PROBLEM: The lines from the start of the records through the one containing "#159=IFCINDEXEDPOLYGONALFACE((5,6,8,7));" are to be transcribed exactly, and nothing else.

Collected data entries:
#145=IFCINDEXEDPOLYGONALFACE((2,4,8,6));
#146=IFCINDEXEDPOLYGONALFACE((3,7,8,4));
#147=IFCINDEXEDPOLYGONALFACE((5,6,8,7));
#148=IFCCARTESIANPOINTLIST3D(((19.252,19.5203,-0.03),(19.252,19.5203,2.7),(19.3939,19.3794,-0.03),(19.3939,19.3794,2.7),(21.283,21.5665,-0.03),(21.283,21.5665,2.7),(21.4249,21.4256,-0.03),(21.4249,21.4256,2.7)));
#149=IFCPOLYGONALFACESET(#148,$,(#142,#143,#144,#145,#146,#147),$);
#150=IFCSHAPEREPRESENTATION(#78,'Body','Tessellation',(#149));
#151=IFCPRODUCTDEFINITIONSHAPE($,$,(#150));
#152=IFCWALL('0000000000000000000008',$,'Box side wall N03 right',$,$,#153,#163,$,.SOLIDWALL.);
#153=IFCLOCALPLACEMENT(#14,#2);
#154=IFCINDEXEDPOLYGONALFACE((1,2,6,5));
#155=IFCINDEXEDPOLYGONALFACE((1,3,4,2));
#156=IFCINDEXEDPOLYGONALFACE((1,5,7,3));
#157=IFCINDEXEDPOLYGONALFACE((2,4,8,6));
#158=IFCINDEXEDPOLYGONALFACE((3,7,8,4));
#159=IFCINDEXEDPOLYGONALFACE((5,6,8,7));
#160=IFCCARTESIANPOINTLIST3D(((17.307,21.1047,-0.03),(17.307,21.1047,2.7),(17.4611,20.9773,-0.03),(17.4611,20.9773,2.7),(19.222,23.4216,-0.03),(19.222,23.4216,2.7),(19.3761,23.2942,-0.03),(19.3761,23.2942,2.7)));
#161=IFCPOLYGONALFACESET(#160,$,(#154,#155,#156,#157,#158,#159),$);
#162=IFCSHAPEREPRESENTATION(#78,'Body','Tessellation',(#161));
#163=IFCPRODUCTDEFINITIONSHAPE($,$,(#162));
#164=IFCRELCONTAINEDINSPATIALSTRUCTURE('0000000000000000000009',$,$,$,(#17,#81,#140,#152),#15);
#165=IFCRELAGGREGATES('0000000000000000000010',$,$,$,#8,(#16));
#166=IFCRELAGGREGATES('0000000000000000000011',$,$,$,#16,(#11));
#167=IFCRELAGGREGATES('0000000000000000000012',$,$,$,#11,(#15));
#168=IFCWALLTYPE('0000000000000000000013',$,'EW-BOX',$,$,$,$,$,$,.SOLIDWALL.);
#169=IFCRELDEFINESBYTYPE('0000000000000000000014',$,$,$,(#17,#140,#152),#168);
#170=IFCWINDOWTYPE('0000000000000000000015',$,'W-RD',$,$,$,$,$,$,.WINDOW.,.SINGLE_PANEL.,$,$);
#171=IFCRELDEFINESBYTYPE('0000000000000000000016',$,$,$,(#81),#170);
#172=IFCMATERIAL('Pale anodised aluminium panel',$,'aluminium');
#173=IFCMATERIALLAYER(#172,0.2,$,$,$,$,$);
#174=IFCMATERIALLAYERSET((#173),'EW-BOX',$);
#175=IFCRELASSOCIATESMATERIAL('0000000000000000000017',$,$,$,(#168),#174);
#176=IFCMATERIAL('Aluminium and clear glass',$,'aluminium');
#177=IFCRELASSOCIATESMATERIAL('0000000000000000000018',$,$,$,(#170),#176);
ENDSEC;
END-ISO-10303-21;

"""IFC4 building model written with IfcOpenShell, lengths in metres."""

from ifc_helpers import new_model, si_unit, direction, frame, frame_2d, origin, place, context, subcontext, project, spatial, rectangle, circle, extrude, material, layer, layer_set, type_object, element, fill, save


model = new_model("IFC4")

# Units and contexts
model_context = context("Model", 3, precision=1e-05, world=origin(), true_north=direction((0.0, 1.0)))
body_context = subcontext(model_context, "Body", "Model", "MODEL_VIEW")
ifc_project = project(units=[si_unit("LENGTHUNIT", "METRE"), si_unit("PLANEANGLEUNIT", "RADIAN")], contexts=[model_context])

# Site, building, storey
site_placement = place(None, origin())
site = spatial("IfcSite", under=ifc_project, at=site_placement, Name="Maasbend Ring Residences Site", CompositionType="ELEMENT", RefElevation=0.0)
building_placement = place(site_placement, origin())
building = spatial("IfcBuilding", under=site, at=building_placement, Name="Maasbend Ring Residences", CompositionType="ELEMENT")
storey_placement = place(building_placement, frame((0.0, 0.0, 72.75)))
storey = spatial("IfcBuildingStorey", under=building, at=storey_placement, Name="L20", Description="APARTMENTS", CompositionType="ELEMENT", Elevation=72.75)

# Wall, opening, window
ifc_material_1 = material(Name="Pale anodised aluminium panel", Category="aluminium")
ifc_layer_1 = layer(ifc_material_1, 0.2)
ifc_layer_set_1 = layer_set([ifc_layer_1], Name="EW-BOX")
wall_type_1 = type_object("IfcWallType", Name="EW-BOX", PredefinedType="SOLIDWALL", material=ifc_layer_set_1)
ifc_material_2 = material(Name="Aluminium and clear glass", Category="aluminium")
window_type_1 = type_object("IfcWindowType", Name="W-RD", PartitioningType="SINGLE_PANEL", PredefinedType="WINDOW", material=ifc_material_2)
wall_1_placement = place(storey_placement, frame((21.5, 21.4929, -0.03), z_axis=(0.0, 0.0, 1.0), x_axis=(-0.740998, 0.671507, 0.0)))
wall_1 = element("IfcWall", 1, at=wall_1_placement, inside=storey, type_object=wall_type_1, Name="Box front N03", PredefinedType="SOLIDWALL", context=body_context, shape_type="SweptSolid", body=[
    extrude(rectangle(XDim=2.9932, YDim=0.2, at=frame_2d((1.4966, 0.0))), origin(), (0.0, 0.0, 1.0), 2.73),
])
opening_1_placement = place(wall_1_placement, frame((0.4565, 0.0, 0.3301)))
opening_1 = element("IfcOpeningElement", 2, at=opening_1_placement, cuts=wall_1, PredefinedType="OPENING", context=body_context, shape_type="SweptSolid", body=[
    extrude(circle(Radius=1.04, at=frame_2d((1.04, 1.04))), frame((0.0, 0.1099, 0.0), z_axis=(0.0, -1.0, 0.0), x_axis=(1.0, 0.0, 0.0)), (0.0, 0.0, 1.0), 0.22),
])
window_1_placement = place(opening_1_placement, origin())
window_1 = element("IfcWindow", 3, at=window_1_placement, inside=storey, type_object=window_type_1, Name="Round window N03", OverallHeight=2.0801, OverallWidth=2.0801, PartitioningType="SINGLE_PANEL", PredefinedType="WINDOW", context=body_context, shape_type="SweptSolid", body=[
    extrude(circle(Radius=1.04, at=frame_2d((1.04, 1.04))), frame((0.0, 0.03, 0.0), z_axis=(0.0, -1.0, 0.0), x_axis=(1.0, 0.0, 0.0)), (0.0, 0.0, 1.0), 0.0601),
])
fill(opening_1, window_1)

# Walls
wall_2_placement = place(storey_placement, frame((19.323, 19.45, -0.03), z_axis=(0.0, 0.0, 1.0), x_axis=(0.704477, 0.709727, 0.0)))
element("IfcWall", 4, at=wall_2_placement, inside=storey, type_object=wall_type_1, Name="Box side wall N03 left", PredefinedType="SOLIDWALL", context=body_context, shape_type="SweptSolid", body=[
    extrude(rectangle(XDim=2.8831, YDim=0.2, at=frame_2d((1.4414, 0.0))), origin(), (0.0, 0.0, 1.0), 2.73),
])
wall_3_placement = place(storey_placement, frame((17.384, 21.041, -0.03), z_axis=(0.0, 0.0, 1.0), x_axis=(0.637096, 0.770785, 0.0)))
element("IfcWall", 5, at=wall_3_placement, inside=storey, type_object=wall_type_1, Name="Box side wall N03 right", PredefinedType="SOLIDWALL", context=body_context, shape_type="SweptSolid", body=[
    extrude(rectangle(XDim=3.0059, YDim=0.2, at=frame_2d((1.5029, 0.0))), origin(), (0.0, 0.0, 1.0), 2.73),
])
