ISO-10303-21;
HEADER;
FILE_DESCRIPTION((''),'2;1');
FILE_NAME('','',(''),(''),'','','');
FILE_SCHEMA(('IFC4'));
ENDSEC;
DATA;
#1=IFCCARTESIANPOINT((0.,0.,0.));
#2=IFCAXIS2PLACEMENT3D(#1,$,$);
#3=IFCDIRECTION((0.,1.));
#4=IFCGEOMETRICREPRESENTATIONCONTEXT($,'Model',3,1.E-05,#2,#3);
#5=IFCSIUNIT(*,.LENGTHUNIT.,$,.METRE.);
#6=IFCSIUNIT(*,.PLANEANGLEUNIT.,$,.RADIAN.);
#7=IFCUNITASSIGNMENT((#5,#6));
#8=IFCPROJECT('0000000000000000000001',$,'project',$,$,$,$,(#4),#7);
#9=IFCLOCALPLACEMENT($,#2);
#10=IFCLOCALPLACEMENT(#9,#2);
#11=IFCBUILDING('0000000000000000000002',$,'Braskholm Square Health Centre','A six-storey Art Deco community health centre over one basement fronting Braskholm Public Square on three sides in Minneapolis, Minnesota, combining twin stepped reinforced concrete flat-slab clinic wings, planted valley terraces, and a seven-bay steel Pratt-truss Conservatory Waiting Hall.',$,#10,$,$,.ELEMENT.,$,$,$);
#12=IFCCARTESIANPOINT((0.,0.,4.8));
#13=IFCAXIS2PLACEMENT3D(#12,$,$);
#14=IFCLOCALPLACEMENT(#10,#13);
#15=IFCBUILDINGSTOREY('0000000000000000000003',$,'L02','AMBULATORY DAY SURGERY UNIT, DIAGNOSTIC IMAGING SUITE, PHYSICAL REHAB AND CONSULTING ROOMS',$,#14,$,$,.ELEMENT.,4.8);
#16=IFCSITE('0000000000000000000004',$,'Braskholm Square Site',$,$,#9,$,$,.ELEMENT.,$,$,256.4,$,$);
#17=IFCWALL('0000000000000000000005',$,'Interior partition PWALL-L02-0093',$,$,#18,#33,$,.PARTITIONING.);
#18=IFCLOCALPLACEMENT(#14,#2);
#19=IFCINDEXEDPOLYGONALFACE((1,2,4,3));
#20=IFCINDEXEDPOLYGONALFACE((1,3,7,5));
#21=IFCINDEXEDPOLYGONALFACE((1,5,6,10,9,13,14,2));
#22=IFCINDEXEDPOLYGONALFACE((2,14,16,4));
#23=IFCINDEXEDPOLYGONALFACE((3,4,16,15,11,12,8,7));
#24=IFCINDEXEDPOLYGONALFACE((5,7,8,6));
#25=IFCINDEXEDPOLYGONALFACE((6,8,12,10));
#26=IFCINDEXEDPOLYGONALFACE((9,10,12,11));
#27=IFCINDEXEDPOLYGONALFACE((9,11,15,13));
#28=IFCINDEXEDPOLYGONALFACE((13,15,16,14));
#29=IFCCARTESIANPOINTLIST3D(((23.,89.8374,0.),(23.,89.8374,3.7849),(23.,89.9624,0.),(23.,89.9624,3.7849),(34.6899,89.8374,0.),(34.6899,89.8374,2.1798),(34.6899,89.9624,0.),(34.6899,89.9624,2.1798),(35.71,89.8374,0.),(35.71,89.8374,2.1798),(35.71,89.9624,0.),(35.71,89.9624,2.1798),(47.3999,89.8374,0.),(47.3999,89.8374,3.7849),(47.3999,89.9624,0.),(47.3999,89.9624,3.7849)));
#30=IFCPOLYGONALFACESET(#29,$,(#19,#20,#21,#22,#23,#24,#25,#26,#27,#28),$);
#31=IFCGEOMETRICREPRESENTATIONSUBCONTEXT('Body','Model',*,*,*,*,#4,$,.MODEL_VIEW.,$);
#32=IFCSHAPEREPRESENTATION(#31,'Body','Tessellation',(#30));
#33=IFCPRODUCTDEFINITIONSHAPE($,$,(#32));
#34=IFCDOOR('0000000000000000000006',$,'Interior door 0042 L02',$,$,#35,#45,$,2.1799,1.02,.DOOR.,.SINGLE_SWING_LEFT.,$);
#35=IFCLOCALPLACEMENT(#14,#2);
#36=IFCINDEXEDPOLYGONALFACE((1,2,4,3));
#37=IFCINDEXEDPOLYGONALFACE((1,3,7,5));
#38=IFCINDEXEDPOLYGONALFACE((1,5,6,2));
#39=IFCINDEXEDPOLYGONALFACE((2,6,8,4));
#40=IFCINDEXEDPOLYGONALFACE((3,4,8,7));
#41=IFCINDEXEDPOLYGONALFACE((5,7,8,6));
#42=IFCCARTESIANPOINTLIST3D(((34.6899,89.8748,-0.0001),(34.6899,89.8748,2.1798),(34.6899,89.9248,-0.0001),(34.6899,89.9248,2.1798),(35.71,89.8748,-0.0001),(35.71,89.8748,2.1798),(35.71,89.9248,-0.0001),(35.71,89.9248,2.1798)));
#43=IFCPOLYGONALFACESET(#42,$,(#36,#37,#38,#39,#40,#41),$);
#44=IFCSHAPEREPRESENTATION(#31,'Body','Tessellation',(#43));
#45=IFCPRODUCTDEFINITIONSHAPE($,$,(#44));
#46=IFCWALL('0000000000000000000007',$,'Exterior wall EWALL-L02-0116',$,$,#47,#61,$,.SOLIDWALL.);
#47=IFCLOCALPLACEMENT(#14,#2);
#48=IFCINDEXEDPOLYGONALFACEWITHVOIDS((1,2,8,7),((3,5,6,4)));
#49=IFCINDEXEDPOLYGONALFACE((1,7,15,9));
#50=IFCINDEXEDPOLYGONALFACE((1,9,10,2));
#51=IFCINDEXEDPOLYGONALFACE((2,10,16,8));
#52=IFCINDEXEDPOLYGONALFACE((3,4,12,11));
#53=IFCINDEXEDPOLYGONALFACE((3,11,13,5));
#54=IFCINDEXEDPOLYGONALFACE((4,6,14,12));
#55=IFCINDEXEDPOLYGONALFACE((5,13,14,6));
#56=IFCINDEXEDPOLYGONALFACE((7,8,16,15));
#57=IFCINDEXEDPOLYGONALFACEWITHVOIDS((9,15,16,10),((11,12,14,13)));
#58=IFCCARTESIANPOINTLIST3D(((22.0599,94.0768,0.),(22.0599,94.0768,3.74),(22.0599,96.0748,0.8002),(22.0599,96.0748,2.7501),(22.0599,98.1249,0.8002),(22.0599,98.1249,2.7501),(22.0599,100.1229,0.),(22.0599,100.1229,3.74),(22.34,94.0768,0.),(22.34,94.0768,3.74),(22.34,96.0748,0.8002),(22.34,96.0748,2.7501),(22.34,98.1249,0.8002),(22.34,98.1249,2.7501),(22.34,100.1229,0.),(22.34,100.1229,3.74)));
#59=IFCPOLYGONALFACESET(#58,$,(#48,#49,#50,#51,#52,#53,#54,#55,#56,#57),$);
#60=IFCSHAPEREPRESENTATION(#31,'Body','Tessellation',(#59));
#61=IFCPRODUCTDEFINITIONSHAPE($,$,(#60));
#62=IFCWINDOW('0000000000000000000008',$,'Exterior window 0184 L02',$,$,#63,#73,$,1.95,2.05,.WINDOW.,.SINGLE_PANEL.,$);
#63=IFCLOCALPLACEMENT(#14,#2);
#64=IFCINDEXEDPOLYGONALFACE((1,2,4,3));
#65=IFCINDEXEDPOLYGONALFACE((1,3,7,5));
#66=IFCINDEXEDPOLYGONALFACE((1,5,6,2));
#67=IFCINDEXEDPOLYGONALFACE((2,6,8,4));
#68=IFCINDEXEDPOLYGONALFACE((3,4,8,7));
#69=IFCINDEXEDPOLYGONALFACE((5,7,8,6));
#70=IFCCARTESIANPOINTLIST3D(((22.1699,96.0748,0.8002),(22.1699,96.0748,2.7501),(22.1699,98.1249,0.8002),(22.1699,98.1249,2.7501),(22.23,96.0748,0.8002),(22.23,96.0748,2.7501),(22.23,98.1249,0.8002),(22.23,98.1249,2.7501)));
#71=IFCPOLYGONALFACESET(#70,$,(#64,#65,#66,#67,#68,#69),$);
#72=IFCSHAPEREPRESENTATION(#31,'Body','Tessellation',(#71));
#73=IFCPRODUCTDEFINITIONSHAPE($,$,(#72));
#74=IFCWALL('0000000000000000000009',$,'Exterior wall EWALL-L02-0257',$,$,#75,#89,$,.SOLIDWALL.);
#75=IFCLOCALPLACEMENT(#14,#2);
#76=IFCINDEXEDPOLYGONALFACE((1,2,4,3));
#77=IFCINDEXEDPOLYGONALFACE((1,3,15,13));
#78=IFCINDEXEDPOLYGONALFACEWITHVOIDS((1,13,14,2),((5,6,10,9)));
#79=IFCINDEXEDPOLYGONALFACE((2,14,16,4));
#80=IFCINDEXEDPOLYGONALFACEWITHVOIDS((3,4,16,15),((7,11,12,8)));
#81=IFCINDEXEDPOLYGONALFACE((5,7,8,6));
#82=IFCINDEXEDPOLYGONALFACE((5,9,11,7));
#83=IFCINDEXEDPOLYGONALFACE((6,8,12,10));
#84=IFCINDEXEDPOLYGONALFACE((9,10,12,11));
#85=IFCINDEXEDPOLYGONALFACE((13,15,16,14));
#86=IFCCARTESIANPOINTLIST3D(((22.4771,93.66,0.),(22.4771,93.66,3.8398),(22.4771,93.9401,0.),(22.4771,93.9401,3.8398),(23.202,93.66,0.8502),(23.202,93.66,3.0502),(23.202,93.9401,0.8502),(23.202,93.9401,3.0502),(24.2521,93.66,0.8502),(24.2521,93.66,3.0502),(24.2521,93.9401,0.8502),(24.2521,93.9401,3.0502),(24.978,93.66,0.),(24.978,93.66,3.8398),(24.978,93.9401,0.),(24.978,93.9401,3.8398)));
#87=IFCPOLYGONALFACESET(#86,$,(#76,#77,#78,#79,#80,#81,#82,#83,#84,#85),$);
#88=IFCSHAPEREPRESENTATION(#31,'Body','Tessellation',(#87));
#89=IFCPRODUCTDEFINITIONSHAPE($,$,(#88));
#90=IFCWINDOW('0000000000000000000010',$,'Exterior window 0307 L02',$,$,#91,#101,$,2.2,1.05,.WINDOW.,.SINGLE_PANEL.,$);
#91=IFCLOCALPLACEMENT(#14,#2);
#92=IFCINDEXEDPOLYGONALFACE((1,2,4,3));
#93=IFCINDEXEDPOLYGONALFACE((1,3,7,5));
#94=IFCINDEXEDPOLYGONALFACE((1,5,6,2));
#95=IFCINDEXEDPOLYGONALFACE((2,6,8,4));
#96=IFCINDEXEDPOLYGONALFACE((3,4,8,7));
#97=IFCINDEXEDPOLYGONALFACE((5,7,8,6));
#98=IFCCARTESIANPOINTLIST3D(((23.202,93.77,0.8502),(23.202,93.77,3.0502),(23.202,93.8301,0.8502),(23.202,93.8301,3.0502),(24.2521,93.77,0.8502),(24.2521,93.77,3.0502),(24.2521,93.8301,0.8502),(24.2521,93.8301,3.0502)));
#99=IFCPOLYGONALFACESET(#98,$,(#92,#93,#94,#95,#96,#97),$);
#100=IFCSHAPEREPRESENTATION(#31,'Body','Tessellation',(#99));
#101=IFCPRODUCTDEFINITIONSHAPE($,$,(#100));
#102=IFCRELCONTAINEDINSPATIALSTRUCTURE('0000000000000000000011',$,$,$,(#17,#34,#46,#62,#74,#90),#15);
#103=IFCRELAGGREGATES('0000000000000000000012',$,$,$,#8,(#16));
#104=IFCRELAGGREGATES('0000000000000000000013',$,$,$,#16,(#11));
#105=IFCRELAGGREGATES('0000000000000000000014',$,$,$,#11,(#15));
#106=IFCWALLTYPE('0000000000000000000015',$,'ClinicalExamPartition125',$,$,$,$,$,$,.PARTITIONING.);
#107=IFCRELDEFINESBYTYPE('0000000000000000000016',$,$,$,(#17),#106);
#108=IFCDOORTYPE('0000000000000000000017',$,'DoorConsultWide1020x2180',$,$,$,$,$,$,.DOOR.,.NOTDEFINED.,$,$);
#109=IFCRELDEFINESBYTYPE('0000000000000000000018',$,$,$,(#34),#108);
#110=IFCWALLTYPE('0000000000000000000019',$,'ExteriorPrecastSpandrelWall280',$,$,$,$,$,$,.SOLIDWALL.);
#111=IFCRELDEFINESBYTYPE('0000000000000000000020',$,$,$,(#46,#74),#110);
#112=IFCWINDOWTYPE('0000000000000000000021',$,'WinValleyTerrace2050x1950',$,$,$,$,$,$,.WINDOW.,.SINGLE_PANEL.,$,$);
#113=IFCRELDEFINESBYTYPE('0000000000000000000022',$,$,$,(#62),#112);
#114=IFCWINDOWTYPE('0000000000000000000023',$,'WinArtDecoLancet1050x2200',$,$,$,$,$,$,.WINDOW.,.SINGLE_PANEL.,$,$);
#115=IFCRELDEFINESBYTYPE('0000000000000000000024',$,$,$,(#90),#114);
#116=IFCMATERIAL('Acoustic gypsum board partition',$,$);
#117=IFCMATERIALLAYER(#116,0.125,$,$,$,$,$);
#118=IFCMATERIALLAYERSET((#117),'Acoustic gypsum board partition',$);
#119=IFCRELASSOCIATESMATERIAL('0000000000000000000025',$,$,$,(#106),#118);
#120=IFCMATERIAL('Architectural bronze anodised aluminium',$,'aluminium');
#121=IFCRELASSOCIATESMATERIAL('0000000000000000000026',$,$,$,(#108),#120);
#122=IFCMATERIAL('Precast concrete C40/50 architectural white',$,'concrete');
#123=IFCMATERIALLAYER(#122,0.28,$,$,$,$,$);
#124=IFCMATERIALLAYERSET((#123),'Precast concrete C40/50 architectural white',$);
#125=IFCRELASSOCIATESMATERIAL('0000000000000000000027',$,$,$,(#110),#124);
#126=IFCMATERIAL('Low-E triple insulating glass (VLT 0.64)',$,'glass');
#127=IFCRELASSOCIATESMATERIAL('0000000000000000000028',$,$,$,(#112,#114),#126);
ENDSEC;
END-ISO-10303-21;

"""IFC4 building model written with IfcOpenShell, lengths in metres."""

from ifc_helpers import new_model, si_unit, direction, frame, frame_2d, origin, origin_with_axes, place, context, subcontext, project, spatial, rectangle, extrude, material, layer, layer_set, type_object, element, fill, save


model = new_model("IFC4")

# Units and contexts
model_context = context("Model", 3, precision=1e-05, world=origin(), true_north=direction((0.0, 1.0)))
body_context = subcontext(model_context, "Body", "Model", "MODEL_VIEW")
ifc_project = project(units=[si_unit("LENGTHUNIT", "METRE"), si_unit("PLANEANGLEUNIT", "RADIAN")], contexts=[model_context])

# Site, building, storey
site_placement = place(None, origin())
site = spatial("IfcSite", under=ifc_project, at=site_placement, Name="Braskholm Square Site", CompositionType="ELEMENT", RefElevation=256.4)
building_placement = place(site_placement, origin())
building = spatial("IfcBuilding", under=site, at=building_placement, Name="Braskholm Square Health Centre", Description="A six-storey Art Deco community health centre over one basement fronting Braskholm Public Square on three sides in Minneapolis, Minnesota, combining twin stepped reinforced concrete flat-slab clinic wings, planted valley terraces, and a seven-bay steel Pratt-truss Conservatory Waiting Hall.", CompositionType="ELEMENT")
storey_placement = place(building_placement, frame((0.0, 0.0, 4.8)))
storey = spatial("IfcBuildingStorey", under=building, at=storey_placement, Name="L02", Description="AMBULATORY DAY SURGERY UNIT, DIAGNOSTIC IMAGING SUITE, PHYSICAL REHAB AND CONSULTING ROOMS", CompositionType="ELEMENT", Elevation=4.8)

# Shared definitions
ifc_material_1 = material(Name="Precast concrete C40/50 architectural white", Category="concrete")

# Wall, opening, door
ifc_material_2 = material(Name="Acoustic gypsum board partition")
ifc_layer_1 = layer(ifc_material_2, 0.125)
ifc_layer_set_1 = layer_set([ifc_layer_1], Name="Acoustic gypsum board partition")
wall_type_1 = type_object("IfcWallType", Name="ClinicalExamPartition125", PredefinedType="PARTITIONING", material=ifc_layer_set_1)
wall_1_placement = place(storey_placement, frame((23.0, 89.8999, 0.0), z_axis=(0.0, 0.0, 1.0), x_axis=(1.0, 0.0, 0.0)))
wall_1 = element("IfcWall", 1, at=wall_1_placement, inside=storey, type_object=wall_type_1, Name="Interior partition PWALL-L02-0093", PredefinedType="PARTITIONING", context=body_context, shape_type="SweptSolid", body=[
    extrude(rectangle(XDim=24.3999, YDim=0.125, at=frame_2d((12.2, 0.0))), origin(), (0.0, 0.0, 1.0), 3.7849),
])
opening_1_placement = place(wall_1_placement, frame((11.6899, 0.0, 0.0)))
opening_1 = element("IfcOpeningElement", 2, at=opening_1_placement, cuts=wall_1, PredefinedType="OPENING", context=body_context, shape_type="SweptSolid", body=[
    extrude(rectangle(XDim=1.02, YDim=2.1799, at=frame_2d((0.51, 1.0898))), frame((0.0, 0.0725, 0.0), z_axis=(0.0, -1.0, 0.0), x_axis=(1.0, 0.0, 0.0)), (0.0, 0.0, 1.0), 0.145),
])
ifc_material_3 = material(Name="Architectural bronze anodised aluminium", Category="aluminium")
door_type = type_object("IfcDoorType", Name="DoorConsultWide1020x2180", OperationType="NOTDEFINED", PredefinedType="DOOR", material=ifc_material_3)
door_placement = place(opening_1_placement, origin_with_axes())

EXERCISE OUTPUT:
#145=IFCINDEXEDPOLYGONALFACE((2,4,8,6));
#146=IFCINDEXEDPOLYGONALFACE((3,7,8,4));
#147=IFCINDEXEDPOLYGONALFACE((5,6,8,7));
#148=IFCCARTESIANPOINTLIST3D(((19.252,19.5203,-0.03),(19.252,19.5203,2.7),(19.3939,19.3794,-0.03),(19.3939,19.3794,2.7),(21.283,21.5665,-0.03),(21.283,21.5665,2.7),(21.4249,21.4256,-0.03),(21.4249,21.4256,2.7)));
#149=IFCPOLYGONALFACESET(#148,$,(#142,#143,#144,#145,#146,#147),$);
#150=IFCSHAPEREPRESENTATION(#78,'Body','Tessellation',(#149));
#151=IFCPRODUCTDEFINITIONSHAPE($,$,(#150));
#152=IFCWALL('0000000000000000000008',$,'Box side wall N03 right',$,$,#153,#163,$,.SOLIDWALL.);
#153=IFCLOCALPLACEMENT(#14,#2);
#154=IFCINDEXEDPOLYGONALFACE((1,2,6,5));
#155=IFCINDEXEDPOLYGONALFACE((1,3,4,2));
#156=IFCINDEXEDPOLYGONALFACE((1,5,7,3));
#157=IFCINDEXEDPOLYGONALFACE((2,4,8,6));
#158=IFCINDEXEDPOLYGONALFACE((3,7,8,4));
#159=IFCINDEXEDPOLYGONALFACE((5,6,8,7));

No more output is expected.